[[ PROVIDED INFORMATION open ]]

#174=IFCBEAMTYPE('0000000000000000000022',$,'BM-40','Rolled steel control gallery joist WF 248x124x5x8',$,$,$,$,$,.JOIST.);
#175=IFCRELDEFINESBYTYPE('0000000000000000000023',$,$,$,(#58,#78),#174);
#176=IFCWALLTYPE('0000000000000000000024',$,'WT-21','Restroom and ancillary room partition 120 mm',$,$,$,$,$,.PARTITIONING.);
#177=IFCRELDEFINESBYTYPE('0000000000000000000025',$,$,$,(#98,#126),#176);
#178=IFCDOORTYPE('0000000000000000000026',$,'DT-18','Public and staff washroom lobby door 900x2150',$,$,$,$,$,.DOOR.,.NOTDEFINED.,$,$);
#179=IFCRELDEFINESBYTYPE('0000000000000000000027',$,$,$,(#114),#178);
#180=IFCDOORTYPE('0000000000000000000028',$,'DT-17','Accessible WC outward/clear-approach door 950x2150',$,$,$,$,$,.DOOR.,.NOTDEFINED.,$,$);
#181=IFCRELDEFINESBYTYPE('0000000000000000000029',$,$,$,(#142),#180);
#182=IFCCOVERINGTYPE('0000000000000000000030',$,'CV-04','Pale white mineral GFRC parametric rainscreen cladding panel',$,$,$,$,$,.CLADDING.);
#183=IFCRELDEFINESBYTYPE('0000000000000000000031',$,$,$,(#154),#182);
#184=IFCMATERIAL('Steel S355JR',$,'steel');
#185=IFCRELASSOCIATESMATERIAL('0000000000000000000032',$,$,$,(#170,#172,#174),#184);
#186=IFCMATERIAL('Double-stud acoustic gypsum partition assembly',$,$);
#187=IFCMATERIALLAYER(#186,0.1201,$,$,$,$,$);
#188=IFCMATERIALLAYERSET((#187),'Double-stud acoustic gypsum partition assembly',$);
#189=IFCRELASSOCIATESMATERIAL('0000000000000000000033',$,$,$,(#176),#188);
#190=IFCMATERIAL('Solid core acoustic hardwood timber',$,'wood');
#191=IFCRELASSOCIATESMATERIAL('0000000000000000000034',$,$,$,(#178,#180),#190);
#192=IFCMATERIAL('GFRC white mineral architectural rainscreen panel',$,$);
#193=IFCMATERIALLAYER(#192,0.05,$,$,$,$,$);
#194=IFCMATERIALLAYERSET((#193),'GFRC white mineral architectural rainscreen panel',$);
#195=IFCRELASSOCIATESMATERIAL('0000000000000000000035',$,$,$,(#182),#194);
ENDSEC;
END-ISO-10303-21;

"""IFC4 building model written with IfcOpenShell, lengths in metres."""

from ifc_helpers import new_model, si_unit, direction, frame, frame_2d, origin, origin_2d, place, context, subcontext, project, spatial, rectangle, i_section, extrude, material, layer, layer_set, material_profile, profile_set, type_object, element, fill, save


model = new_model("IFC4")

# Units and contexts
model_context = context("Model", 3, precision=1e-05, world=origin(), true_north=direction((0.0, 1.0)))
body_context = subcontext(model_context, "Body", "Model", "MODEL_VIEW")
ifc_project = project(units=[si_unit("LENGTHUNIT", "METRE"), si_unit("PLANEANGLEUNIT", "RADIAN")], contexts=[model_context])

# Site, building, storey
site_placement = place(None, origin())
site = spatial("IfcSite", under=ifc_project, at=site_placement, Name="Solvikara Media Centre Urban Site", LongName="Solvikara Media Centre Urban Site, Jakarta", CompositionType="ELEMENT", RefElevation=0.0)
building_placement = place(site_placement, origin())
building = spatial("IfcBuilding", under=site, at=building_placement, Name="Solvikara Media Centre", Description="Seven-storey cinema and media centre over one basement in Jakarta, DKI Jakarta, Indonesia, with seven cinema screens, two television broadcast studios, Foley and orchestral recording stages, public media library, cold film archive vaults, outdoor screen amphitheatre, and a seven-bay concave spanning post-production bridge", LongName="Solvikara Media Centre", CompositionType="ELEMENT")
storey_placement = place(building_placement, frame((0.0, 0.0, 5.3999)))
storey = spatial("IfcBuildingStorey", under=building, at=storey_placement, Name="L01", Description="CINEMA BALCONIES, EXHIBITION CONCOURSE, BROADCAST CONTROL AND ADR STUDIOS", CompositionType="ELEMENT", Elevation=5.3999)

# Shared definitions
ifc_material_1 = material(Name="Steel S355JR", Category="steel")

[[ PROVIDED INFORMATION closed ]]

[WORK TASK]:
What you return must match the records above exactly.

[RESULT]:
#174=IFCBEAMTYPE('0000000000000000000022',$,'BM-40','Rolled steel control gallery joist WF 248x124x5x8',$,$,$,$,$,.JOIST.);
#175=IFCRELDEFINESBYTYPE('0000000000000000000023',$,$,$,(#58,#78),#174);
#176=IFCWALLTYPE('0000000000000000000024',$,'WT-21','Restroom and ancillary room partition 120 mm',$,$,$,$,$,.PARTITIONING.);
#177=IFCRELDEFINESBYTYPE('0000000000000000000025',$,$,$,(#98,#126),#176);
#178=IFCDOORTYPE('0000000000000000000026',$,'DT-18','Public and staff washroom lobby door 900x2150',$,$,$,$,$,.DOOR.,.NOTDEFINED.,$,$);
#179=IFCRELDEFINESBYTYPE('0000000000000000000027',$,$,$,(#114),#178);
#180=IFCDOORTYPE('0000000000000000000028',$,'DT-17','Accessible WC outward/clear-approach door 950x2150',$,$,$,$,$,.DOOR.,.NOTDEFINED.,$,$);
#181=IFCRELDEFINESBYTYPE('0000000000000000000029',$,$,$,(#142),#180);
#182=IFCCOVERINGTYPE('0000000000000000000030',$,'CV-04','Pale white mineral GFRC parametric rainscreen cladding panel',$,$,$,$,$,.CLADDING.);
#183=IFCRELDEFINESBYTYPE('0000000000000000000031',$,$,$,(#154),#182);
#184=IFCMATERIAL('Steel S355JR',$,'steel');
#185=IFCRELASSOCIATESMATERIAL('0000000000000000000032',$,$,$,(#170,#172,#174),#184);
#186=IFCMATERIAL('Double-stud acoustic gypsum partition assembly',$,$);
#187=IFCMATERIALLAYER(#186,0.1201,$,$,$,$,$);
#188=IFCMATERIALLAYERSET((#187),'Double-stud acoustic gypsum partition assembly',$);
#189=IFCRELASSOCIATESMATERIAL('0000000000000000000033',$,$,$,(#176),#188);
#190=IFCMATERIAL('Solid core acoustic hardwood timber',$,'wood');
#191=IFCRELASSOCIATESMATERIAL('0000000000000000000034',$,$,$,(#178,#180),#190);
#192=IFCMATERIAL('GFRC white mineral architectural rainscreen panel',$,$);
#193=IFCMATERIALLAYER(#192,0.05,$,$,$,$,$);
#194=IFCMATERIALLAYERSET((#193),'GFRC white mineral architectural rainscreen panel',$);
#195=IFCRELASSOCIATESMATERIAL('0000000000000000000035',$,$,$,(#182),#194);
ENDSEC;
END-ISO-10303-21;

"""IFC4 building model written with IfcOpenShell, lengths in metres."""

from ifc_helpers import new_model, si_unit, direction, frame, frame_2d, origin, origin_2d, place, context, subcontext, project, spatial, rectangle, i_section, extrude, material, layer, layer_set, material_profile, profile_set, type_object, element, fill, save


model = new_model("IFC4")

# Units and contexts
model_context = context("Model", 3, precision=1e-05, world=origin(), true_north=direction((0.0, 1.0)))
body_context = subcontext(model_context, "Body", "Model", "MODEL_VIEW")
ifc_project = project(units=[si_unit("LENGTHUNIT", "METRE"), si_unit("PLANEANGLEUNIT", "RADIAN")], contexts=[model_context])

# Site, building, storey
site_placement = place(None, origin())
site = spatial("IfcSite", under=ifc_project, at=site_placement, Name="Solvikara Media Centre Urban Site", LongName="Solvikara Media Centre Urban Site, Jakarta", CompositionType="ELEMENT", RefElevation=0.0)
building_placement = place(site_placement, origin())
building = spatial("IfcBuilding", under=site, at=building_placement, Name="Solvikara Media Centre", Description="Seven-storey cinema and media centre over one basement in Jakarta, DKI Jakarta, Indonesia, with seven cinema screens, two television broadcast studios, Foley and orchestral recording stages, public media library, cold film archive vaults, outdoor screen amphitheatre, and a seven-bay concave spanning post-production bridge", LongName="Solvikara Media Centre", CompositionType="ELEMENT")
storey_placement = place(building_placement, frame((0.0, 0.0, 5.3999)))
storey = spatial("IfcBuildingStorey", under=building, at=storey_placement, Name="L01", Description="CINEMA BALCONIES, EXHIBITION CONCOURSE, BROADCAST CONTROL AND ADR STUDIOS", CompositionType="ELEMENT", Elevation=5.3999)

# Shared definitions
ifc_material_1 = material(Name="Steel S355JR", Category="steel")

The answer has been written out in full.